* [RECORDS FOR PROCESSING]:
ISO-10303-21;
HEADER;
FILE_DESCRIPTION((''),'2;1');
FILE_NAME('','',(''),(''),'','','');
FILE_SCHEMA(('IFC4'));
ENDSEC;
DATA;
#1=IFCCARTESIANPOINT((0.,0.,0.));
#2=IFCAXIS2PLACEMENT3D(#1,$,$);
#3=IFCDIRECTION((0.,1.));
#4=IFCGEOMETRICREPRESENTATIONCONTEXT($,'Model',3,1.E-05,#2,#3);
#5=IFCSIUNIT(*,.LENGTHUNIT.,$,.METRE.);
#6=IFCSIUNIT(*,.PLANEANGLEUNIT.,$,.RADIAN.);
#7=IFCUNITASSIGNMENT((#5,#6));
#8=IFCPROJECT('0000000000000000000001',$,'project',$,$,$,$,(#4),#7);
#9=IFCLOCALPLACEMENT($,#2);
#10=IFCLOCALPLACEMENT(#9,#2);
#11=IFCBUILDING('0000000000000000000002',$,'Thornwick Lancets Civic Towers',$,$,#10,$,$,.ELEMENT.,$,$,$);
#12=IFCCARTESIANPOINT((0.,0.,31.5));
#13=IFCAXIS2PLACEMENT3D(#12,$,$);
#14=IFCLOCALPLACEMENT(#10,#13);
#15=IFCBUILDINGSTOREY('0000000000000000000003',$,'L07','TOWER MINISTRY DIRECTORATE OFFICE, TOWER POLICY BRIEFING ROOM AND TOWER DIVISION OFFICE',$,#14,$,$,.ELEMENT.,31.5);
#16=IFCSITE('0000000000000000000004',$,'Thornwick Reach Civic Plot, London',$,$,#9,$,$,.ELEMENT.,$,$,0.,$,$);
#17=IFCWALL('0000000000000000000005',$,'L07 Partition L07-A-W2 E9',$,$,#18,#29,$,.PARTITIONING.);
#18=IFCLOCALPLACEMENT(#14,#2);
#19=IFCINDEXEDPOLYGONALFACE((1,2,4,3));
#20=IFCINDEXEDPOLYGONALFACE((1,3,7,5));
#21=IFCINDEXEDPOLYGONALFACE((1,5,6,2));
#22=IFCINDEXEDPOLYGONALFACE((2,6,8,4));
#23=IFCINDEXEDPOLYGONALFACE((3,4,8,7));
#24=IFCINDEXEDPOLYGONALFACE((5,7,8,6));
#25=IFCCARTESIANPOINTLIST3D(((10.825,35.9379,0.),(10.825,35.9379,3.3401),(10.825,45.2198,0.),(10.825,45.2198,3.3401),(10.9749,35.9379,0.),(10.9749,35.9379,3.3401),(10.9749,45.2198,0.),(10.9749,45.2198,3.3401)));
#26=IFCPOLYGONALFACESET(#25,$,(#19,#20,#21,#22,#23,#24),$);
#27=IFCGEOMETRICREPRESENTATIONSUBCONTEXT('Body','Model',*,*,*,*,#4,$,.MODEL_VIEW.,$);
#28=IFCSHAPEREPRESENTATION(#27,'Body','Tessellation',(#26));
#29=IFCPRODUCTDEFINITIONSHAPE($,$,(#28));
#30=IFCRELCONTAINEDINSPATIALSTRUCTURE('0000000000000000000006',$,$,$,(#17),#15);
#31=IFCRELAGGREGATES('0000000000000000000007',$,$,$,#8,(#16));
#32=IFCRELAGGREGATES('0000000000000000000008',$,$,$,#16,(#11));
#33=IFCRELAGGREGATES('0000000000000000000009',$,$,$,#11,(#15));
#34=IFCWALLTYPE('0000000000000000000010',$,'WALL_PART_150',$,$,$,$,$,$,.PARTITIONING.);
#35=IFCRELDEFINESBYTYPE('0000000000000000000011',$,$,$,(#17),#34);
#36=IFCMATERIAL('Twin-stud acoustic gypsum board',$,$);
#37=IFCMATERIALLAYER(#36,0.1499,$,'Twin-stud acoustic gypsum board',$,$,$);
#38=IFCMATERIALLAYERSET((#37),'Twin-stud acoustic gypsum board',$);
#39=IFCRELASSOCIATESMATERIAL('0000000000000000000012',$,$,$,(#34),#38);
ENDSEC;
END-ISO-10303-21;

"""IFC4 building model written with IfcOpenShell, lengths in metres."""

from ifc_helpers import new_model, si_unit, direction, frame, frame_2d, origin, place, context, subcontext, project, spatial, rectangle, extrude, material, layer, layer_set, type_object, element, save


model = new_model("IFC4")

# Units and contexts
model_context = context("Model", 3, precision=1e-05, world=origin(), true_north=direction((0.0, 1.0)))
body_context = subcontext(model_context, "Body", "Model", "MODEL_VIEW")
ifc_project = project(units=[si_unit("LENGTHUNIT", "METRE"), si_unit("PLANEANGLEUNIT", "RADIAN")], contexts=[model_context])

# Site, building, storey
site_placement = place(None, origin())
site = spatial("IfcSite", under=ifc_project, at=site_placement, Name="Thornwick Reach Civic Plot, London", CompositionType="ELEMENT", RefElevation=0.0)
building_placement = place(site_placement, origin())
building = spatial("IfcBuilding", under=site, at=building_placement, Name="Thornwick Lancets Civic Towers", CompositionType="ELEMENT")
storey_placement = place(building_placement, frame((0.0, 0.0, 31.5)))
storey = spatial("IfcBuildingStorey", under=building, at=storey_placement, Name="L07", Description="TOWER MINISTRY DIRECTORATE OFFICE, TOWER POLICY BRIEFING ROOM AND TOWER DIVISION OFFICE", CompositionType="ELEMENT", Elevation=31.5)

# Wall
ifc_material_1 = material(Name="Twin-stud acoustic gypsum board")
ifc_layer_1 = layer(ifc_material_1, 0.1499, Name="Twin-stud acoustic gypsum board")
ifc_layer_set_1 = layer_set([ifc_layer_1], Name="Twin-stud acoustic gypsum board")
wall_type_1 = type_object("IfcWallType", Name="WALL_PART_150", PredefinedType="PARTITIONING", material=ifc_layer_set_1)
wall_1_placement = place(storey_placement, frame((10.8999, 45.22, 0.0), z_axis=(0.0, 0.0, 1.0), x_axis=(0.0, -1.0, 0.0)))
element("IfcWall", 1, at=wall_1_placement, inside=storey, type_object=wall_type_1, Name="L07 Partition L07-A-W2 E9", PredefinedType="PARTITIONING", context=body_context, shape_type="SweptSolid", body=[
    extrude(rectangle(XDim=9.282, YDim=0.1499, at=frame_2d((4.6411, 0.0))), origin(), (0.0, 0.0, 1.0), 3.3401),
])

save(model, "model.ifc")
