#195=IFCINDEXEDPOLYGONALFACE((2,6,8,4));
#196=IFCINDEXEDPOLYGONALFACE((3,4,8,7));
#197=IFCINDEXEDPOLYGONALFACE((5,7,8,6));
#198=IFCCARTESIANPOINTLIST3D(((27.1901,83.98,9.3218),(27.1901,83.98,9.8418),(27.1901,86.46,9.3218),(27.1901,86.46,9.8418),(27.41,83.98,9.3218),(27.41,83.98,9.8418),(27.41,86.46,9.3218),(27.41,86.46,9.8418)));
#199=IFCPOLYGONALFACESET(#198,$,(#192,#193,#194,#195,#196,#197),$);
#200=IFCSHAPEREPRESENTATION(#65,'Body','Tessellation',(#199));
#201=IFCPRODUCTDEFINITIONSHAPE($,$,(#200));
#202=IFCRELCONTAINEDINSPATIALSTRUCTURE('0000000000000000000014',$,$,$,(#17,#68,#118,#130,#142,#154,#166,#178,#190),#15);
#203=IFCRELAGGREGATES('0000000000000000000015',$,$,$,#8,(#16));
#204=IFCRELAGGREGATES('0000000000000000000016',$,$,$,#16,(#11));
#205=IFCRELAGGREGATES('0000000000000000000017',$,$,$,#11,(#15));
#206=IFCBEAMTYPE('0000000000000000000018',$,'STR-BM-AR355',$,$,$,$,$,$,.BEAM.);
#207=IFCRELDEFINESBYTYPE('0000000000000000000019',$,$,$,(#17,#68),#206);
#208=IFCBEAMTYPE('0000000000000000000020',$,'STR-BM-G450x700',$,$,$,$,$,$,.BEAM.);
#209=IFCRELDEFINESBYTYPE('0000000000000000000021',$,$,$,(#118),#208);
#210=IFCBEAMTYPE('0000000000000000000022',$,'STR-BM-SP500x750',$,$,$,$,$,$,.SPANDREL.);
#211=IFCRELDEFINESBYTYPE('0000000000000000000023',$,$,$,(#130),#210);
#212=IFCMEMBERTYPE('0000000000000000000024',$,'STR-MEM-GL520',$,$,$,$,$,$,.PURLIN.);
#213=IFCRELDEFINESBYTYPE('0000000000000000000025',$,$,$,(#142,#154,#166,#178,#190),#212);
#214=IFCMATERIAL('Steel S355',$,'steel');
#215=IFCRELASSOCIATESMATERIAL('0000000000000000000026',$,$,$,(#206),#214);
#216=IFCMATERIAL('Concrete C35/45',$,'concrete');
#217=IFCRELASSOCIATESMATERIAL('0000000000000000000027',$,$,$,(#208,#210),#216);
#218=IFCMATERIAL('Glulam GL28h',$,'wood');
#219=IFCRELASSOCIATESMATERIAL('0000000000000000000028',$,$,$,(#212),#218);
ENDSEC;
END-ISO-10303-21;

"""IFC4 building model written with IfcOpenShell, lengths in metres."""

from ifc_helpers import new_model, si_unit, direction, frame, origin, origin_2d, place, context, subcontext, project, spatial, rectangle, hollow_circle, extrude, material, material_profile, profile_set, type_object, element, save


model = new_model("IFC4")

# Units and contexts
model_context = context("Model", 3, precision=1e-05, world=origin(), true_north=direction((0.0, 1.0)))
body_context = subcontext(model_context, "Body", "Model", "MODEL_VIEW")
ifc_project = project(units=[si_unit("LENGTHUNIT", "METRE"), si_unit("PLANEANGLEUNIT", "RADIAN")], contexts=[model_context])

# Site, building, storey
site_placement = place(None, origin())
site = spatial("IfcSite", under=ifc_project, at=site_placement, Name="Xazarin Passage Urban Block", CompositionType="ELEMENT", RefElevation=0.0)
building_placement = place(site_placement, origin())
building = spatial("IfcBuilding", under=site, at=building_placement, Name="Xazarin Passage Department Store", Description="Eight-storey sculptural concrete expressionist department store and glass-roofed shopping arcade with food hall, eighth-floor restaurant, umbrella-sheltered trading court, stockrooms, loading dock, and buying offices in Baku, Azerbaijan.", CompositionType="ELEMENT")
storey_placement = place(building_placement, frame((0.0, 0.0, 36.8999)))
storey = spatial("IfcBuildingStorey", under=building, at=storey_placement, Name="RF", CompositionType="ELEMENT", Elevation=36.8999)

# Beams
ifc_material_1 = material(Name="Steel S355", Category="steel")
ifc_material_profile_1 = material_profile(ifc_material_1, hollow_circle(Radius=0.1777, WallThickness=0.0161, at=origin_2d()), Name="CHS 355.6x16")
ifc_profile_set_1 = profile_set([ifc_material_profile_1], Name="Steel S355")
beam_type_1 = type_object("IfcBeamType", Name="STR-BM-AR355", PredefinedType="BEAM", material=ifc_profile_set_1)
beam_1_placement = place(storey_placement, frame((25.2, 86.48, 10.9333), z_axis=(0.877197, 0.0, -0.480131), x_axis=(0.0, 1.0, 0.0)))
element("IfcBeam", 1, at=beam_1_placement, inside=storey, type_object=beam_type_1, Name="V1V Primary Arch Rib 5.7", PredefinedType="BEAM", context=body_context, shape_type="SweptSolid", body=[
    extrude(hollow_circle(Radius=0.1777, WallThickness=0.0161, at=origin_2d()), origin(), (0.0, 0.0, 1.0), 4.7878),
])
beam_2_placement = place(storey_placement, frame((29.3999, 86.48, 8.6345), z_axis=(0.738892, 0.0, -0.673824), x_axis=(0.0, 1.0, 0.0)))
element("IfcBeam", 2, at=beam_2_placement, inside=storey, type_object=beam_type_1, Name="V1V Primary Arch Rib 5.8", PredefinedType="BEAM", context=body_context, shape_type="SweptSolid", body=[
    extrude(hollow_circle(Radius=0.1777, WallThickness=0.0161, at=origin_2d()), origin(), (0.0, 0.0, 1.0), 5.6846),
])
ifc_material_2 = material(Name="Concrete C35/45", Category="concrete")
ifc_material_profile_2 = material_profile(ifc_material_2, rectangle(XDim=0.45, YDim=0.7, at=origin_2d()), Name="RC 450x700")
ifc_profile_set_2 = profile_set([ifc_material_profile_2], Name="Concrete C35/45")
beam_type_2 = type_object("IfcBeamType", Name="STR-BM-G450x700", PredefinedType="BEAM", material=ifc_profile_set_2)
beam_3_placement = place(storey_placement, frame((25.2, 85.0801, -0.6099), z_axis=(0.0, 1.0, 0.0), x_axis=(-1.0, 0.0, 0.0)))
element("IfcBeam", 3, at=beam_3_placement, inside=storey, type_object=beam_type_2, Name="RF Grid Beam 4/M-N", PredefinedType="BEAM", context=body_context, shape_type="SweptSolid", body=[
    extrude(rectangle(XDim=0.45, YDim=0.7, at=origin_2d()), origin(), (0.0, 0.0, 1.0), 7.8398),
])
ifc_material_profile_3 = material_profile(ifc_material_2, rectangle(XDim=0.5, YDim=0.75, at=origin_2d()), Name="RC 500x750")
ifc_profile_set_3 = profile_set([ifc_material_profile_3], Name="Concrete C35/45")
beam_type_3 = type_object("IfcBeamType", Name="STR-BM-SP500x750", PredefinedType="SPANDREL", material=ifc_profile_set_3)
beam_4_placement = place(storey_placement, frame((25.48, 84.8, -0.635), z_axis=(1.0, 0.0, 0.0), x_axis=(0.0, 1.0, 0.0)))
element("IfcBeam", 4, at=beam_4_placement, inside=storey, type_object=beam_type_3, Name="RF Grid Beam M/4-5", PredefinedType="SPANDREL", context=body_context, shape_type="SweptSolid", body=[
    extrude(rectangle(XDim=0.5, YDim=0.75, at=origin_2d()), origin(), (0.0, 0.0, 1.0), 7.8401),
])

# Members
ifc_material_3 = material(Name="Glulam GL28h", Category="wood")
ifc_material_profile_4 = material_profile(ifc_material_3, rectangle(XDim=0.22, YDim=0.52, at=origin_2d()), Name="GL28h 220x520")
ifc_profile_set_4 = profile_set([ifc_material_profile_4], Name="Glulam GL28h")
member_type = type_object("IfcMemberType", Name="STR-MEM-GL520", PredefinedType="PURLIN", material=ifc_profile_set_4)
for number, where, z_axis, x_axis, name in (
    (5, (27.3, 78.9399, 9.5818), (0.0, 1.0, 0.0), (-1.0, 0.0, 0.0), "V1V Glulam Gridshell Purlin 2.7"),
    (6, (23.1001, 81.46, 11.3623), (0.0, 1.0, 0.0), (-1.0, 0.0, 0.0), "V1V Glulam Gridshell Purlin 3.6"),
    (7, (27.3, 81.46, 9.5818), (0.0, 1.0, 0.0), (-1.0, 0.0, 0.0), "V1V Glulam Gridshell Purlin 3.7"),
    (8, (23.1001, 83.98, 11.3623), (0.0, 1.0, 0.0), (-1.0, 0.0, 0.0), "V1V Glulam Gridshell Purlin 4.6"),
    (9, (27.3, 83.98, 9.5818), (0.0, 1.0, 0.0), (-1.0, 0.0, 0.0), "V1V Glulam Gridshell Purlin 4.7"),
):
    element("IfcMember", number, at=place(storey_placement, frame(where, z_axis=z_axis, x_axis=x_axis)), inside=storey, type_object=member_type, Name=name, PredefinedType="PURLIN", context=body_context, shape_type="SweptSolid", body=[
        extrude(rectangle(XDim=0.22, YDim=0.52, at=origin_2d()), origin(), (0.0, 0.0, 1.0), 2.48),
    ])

* [YOUR INSTRUCTIONS]:
Which lines in the listing above hold the word "Category"? Show each of them.

* [EXERCISE RESULT]:
ifc_material_1 = material(Name="Steel S355", Category="steel")
ifc_material_2 = material(Name="Concrete C35/45", Category="concrete")
ifc_material_3 = material(Name="Glulam GL28h", Category="wood")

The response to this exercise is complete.